### SOURCE DATA
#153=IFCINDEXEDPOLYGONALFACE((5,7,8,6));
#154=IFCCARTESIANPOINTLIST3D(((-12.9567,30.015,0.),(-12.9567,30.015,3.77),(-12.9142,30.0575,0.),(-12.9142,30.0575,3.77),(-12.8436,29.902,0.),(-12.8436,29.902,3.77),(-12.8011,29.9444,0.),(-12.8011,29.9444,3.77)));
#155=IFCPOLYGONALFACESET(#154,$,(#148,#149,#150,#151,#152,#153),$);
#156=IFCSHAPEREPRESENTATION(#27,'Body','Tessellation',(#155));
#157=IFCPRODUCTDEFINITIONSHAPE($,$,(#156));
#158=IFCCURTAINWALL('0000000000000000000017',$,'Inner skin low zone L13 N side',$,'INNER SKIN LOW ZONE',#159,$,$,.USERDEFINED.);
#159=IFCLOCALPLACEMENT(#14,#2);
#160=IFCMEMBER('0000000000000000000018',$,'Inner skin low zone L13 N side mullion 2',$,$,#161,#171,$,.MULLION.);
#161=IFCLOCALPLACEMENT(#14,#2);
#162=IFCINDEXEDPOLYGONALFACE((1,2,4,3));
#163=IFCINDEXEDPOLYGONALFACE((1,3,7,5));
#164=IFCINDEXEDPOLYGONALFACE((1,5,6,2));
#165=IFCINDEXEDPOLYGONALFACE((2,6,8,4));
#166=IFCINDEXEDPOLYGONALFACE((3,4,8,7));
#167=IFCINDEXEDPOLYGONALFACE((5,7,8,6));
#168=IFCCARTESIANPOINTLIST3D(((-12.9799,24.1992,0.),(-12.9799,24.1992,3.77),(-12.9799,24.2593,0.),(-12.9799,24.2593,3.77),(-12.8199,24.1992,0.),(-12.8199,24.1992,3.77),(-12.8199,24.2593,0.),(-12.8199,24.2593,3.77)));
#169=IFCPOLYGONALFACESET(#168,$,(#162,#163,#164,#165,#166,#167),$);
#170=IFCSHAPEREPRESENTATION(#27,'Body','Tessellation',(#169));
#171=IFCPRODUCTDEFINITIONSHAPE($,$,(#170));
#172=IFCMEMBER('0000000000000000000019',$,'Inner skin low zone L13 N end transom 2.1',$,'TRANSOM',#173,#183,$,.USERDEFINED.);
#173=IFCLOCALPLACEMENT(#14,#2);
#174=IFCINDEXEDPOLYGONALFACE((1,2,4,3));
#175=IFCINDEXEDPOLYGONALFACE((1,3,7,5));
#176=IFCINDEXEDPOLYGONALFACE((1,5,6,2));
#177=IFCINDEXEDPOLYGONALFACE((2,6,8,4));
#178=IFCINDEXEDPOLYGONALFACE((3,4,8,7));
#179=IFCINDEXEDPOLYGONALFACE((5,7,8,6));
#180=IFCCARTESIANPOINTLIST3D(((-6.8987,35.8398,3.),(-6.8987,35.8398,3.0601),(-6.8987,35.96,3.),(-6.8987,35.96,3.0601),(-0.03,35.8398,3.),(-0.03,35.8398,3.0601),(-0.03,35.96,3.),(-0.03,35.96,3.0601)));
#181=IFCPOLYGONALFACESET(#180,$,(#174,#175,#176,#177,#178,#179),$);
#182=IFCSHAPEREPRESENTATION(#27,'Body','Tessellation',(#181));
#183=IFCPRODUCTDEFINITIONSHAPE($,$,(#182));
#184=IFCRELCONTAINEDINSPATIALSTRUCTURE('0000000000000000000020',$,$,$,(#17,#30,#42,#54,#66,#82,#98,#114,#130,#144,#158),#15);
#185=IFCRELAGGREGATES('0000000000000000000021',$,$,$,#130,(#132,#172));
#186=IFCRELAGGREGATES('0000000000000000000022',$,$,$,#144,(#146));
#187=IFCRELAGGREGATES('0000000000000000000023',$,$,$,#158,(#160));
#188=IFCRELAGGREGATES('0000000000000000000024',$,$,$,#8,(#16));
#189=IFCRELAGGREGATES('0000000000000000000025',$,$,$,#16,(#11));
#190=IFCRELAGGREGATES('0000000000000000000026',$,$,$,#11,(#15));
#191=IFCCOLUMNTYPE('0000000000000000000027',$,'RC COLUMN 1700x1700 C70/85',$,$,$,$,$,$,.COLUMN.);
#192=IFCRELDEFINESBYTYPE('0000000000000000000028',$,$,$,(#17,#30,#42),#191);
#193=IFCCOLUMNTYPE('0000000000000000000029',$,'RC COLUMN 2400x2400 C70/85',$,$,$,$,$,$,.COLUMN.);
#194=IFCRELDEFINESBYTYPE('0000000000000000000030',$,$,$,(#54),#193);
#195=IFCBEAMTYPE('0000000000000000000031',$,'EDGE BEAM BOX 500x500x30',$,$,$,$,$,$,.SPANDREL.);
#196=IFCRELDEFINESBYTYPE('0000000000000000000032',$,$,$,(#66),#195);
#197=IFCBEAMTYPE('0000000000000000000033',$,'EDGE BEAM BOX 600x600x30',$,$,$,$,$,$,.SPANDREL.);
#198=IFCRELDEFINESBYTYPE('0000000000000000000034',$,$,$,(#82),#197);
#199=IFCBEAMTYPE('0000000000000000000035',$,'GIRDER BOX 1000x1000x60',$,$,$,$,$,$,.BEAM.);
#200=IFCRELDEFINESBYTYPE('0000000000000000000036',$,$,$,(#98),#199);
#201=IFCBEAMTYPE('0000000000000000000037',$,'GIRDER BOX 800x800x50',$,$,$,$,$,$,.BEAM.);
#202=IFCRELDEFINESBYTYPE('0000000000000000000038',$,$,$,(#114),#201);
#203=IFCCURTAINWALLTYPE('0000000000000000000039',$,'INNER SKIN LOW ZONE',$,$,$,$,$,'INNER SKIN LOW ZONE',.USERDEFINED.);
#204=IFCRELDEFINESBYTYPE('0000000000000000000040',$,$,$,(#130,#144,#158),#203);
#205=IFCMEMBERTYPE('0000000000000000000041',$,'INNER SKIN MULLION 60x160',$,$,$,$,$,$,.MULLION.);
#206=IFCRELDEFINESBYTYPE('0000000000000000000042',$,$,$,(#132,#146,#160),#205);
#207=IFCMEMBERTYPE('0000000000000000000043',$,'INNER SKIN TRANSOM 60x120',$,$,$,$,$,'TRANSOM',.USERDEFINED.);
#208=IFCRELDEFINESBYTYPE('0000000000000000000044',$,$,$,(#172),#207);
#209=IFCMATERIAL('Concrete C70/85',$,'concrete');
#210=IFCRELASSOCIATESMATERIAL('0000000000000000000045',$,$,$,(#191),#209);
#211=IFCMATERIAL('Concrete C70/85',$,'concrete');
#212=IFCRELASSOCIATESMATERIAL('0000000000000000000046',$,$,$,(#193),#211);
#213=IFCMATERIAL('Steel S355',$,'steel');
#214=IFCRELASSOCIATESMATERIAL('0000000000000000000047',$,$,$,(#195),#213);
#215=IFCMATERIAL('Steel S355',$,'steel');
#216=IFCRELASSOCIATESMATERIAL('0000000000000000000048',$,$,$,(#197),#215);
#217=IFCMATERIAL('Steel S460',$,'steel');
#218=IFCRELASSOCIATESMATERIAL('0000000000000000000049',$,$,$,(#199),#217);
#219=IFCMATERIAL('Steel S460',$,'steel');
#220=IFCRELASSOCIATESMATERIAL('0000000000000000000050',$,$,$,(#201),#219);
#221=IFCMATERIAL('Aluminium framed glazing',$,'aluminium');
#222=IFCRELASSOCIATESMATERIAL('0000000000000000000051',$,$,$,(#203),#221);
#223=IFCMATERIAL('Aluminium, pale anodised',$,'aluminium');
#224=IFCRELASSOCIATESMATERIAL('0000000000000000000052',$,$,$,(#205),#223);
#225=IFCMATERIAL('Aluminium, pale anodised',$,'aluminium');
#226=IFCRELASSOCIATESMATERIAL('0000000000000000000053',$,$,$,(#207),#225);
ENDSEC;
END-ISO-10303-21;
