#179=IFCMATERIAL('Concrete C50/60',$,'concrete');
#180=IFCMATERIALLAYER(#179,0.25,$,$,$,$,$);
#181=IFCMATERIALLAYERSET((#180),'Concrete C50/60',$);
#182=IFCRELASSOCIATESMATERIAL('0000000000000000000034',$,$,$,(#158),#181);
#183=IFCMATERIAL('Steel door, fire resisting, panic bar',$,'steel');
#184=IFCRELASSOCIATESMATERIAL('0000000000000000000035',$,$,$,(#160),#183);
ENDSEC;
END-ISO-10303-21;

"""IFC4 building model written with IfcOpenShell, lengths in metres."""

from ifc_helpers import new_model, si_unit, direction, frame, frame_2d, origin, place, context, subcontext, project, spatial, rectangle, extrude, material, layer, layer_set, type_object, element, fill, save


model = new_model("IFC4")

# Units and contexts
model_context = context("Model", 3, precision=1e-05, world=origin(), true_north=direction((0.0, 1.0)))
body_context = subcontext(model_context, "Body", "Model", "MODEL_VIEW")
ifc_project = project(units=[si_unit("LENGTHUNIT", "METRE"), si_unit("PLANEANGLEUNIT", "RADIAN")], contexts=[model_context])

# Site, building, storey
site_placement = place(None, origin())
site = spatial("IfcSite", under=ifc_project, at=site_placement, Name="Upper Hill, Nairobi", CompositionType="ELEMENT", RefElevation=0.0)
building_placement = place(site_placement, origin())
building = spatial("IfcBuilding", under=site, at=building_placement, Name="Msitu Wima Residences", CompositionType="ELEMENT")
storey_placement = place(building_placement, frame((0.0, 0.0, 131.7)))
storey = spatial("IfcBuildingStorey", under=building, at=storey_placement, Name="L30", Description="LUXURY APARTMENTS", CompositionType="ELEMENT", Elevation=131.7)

### BRIEF
Return only the count of lines in the records that hold the word "TRANSOM".

### WRITTEN ANSWER
2